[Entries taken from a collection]
+++++

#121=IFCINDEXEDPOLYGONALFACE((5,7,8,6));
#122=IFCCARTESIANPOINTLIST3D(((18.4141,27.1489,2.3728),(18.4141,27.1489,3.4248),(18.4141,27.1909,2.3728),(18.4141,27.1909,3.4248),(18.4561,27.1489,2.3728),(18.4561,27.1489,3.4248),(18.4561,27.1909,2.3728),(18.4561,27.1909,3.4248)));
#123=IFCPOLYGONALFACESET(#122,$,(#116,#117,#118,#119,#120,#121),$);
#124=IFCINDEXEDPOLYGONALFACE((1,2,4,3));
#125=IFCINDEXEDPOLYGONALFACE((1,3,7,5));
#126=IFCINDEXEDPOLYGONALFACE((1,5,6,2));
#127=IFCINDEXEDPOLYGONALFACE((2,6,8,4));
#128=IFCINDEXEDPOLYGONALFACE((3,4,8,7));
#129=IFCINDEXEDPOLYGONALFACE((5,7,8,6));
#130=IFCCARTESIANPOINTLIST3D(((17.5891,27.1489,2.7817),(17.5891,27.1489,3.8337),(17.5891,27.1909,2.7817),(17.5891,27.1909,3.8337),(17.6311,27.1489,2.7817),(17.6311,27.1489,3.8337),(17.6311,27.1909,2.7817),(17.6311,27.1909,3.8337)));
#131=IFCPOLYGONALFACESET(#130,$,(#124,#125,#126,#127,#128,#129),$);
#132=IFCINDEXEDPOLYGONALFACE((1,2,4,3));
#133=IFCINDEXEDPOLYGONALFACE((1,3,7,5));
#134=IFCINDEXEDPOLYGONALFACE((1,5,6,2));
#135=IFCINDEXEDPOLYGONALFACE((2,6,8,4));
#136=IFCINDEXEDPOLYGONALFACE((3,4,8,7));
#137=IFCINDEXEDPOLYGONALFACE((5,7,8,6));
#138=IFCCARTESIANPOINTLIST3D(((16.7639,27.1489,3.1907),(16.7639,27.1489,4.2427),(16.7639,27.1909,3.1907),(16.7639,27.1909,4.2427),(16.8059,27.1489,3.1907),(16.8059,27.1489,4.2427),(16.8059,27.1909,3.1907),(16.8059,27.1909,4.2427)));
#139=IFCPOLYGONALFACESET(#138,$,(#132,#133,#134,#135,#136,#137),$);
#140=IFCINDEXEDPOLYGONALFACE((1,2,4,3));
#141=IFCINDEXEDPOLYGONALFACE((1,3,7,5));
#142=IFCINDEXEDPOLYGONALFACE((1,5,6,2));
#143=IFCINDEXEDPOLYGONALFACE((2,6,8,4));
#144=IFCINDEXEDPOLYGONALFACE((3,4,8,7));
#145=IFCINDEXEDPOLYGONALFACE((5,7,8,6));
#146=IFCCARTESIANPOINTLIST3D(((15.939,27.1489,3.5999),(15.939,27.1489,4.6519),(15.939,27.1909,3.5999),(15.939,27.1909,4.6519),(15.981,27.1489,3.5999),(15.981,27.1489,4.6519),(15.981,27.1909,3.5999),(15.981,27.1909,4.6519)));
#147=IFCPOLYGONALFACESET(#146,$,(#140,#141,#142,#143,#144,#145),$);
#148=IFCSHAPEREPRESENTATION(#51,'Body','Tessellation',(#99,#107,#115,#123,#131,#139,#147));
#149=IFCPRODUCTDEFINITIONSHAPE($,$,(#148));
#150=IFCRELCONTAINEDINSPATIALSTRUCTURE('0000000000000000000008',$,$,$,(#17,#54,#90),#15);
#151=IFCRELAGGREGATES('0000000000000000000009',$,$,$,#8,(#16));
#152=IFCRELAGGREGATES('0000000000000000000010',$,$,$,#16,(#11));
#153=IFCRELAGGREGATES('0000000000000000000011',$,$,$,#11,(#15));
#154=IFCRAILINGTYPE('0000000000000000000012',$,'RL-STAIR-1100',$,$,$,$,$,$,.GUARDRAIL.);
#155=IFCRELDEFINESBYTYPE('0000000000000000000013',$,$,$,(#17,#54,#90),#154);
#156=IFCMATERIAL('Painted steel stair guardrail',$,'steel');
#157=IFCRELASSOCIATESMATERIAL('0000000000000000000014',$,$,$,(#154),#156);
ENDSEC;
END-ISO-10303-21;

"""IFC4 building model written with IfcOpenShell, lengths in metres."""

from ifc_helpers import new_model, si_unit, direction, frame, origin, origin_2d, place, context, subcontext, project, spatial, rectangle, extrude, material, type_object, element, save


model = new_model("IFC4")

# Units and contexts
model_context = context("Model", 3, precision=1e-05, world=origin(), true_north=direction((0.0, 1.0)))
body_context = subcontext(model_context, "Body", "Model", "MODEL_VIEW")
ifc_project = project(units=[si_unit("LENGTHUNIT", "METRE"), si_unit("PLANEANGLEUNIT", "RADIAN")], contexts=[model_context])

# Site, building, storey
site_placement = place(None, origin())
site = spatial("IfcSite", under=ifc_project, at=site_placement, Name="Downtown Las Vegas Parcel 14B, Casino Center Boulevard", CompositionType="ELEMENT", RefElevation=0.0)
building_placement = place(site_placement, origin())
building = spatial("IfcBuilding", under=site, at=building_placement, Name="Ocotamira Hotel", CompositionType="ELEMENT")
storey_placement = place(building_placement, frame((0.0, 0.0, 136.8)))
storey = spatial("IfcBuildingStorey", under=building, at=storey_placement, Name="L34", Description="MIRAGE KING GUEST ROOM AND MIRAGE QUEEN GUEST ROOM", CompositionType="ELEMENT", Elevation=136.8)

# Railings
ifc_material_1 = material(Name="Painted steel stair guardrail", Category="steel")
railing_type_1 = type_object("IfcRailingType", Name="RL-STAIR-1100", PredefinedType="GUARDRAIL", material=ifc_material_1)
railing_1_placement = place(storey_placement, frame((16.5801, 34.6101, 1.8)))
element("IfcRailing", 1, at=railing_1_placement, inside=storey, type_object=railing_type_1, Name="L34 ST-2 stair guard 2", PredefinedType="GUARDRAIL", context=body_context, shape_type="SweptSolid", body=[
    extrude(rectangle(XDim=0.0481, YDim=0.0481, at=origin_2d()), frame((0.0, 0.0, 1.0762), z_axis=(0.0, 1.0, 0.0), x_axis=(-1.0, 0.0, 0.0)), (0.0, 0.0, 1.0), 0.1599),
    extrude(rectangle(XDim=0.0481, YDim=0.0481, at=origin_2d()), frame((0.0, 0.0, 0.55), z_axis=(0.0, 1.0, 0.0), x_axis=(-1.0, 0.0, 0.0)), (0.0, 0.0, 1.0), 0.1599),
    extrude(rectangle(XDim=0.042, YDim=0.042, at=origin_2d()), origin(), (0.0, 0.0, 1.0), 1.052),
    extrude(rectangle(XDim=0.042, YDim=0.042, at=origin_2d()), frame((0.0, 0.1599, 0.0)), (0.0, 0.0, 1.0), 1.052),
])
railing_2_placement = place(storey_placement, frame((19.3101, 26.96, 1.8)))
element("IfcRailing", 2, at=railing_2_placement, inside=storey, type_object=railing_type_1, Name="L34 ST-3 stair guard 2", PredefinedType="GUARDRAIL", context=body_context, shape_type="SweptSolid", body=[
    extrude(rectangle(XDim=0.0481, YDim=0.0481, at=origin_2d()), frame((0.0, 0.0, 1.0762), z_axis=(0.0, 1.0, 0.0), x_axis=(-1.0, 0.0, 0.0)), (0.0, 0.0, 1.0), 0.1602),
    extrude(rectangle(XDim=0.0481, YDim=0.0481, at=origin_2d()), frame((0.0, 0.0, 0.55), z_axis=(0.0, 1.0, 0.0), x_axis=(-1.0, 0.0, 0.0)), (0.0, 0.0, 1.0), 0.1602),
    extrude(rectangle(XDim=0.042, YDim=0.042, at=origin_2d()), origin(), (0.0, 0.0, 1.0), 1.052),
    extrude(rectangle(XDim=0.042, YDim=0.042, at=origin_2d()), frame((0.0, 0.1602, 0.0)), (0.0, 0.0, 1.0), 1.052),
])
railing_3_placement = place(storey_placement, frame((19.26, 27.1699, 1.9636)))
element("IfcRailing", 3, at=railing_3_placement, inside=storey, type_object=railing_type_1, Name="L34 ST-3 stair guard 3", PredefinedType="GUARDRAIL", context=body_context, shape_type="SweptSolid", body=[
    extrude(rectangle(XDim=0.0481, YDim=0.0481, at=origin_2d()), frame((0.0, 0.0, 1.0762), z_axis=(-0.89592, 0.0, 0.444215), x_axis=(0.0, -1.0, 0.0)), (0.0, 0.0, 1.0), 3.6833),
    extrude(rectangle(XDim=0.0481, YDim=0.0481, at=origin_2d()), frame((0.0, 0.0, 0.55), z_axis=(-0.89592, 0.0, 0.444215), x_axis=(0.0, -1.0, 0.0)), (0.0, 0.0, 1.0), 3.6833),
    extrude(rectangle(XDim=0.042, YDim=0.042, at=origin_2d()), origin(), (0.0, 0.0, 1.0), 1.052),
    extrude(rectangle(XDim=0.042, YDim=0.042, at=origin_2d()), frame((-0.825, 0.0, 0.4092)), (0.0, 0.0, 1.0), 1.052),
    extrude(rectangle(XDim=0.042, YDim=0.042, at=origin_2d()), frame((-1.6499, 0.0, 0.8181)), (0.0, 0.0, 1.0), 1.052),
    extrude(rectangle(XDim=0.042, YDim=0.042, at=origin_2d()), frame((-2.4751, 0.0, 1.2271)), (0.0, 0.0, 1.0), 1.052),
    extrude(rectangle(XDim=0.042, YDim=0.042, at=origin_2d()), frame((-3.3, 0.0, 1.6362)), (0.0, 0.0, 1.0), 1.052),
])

+++++

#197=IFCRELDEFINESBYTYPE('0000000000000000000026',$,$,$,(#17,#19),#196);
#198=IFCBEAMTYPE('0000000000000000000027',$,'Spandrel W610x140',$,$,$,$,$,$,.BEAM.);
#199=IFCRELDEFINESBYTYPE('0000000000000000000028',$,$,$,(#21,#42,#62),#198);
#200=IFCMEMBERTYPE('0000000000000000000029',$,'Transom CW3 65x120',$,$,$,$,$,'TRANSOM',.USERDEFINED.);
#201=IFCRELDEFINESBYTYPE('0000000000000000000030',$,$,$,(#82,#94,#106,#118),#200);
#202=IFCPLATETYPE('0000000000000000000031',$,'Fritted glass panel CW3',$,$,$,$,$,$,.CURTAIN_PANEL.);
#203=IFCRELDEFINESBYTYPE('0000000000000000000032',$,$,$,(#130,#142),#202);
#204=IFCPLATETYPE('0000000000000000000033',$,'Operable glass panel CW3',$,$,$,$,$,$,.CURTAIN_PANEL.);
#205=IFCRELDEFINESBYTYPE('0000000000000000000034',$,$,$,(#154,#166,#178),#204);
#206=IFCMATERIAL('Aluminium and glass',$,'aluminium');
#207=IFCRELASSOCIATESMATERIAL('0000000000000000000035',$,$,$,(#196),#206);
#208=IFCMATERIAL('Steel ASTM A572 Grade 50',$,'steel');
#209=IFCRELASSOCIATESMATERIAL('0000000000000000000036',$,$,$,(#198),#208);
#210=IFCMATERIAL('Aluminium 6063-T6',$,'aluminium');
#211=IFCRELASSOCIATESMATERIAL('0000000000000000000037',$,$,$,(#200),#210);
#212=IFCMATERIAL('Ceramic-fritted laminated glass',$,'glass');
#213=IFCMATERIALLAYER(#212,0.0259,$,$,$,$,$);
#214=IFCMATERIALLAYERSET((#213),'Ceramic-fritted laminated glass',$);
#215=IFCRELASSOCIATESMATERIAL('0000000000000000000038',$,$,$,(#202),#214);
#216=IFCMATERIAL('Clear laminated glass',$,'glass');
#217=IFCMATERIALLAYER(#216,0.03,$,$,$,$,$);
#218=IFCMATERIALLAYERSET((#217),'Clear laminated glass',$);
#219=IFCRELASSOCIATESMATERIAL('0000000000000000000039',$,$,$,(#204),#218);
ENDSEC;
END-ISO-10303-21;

+++++

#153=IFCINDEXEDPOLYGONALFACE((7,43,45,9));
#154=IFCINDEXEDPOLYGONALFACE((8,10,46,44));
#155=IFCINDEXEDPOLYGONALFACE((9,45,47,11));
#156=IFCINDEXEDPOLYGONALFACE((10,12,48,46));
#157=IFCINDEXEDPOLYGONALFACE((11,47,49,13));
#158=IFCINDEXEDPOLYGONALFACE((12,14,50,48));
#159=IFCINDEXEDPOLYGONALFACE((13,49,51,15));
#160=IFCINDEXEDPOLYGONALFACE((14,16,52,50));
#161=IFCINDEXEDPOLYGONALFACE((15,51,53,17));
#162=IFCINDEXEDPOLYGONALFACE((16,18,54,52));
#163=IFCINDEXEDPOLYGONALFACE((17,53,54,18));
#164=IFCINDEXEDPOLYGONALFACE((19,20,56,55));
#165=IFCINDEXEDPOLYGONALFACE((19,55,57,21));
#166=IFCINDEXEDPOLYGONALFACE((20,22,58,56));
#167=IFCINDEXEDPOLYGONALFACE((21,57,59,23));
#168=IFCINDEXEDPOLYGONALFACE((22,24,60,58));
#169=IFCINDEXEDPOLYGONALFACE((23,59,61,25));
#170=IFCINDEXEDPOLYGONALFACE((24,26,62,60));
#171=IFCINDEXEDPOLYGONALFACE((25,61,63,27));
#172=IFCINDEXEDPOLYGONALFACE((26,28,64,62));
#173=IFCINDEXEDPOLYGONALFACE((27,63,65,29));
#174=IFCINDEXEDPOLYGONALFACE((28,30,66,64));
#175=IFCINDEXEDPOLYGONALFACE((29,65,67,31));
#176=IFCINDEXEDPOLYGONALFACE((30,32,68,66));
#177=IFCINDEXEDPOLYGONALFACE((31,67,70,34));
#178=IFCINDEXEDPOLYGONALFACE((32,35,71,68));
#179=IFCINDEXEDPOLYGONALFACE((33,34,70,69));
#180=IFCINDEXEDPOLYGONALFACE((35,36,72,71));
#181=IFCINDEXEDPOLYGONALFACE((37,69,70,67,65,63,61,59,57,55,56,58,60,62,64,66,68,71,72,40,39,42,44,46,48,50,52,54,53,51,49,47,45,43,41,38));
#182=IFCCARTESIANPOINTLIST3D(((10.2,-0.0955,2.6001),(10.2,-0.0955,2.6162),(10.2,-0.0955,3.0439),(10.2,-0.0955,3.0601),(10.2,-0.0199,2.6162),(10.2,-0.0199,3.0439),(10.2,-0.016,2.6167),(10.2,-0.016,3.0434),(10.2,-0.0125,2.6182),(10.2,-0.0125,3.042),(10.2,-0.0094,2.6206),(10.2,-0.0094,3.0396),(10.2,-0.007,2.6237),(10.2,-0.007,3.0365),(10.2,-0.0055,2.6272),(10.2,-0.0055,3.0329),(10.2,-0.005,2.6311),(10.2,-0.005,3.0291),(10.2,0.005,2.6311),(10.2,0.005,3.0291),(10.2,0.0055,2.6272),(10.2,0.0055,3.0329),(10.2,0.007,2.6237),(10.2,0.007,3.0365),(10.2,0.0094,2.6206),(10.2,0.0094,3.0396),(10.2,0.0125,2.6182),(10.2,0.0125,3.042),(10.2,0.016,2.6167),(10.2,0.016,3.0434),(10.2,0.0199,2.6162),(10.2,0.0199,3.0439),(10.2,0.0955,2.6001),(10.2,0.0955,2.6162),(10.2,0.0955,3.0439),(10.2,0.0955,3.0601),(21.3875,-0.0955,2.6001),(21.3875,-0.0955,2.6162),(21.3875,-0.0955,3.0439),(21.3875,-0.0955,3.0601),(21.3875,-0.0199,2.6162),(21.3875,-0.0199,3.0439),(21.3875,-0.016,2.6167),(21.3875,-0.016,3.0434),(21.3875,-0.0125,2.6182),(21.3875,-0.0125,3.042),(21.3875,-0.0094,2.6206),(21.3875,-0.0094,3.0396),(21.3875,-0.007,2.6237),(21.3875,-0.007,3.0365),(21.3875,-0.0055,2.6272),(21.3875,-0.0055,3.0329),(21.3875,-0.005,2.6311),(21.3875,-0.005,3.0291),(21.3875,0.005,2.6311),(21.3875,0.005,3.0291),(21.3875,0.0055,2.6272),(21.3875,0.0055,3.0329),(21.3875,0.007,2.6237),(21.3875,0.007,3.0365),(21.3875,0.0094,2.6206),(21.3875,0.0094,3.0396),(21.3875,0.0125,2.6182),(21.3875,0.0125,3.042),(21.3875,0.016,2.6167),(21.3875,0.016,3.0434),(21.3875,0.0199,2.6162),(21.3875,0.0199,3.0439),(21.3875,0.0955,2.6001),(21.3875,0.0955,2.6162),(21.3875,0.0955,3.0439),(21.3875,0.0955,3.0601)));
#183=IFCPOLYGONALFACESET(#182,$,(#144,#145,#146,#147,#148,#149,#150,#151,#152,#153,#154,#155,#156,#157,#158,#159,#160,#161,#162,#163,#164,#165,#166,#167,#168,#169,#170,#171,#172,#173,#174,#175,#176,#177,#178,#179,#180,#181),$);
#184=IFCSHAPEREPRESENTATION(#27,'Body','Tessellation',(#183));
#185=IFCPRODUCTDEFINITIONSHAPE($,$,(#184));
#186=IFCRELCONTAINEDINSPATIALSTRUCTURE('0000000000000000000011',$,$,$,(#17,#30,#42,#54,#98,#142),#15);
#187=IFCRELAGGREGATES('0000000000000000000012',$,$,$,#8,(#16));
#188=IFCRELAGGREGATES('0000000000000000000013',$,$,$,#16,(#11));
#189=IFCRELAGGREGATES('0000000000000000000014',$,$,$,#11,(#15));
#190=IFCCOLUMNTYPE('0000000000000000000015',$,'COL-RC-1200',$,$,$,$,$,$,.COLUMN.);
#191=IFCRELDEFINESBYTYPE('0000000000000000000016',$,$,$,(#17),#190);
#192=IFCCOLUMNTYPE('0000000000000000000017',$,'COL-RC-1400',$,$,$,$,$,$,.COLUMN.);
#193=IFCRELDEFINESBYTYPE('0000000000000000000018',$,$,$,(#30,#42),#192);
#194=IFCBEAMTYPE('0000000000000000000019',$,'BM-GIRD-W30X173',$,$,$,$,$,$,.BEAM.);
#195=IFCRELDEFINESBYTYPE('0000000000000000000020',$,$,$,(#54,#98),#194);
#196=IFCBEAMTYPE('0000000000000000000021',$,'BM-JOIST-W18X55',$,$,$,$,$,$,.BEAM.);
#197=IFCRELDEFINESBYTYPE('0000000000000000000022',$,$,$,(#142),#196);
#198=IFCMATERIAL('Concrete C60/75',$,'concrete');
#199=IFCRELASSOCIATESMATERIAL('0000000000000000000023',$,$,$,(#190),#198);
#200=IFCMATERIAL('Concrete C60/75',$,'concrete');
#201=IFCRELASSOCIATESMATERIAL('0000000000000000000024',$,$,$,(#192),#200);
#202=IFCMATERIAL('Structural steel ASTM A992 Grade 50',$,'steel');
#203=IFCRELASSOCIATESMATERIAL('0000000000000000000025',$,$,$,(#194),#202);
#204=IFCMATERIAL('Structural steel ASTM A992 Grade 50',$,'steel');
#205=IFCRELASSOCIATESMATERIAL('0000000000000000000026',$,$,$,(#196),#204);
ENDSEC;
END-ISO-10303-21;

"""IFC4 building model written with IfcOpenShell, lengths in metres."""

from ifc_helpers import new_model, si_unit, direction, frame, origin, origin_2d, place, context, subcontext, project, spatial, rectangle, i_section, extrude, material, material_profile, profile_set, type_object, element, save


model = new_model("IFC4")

+++++

Instructions for the task
Among the entries above, the lines between the ones containing "#185=IFCPRODUCTDEFINITIONSHAPE($,$,(#184));" and "#188=IFCRELAGGREGATES('0000000000000000000013',$,$,$,#16,(#11));", inclusive, are to be transcribed exactly. No other line is to be given.

Answer space
#185=IFCPRODUCTDEFINITIONSHAPE($,$,(#184));
#186=IFCRELCONTAINEDINSPATIALSTRUCTURE('0000000000000000000011',$,$,$,(#17,#30,#42,#54,#98,#142),#15);
#187=IFCRELAGGREGATES('0000000000000000000012',$,$,$,#8,(#16));
#188=IFCRELAGGREGATES('0000000000000000000013',$,$,$,#16,(#11));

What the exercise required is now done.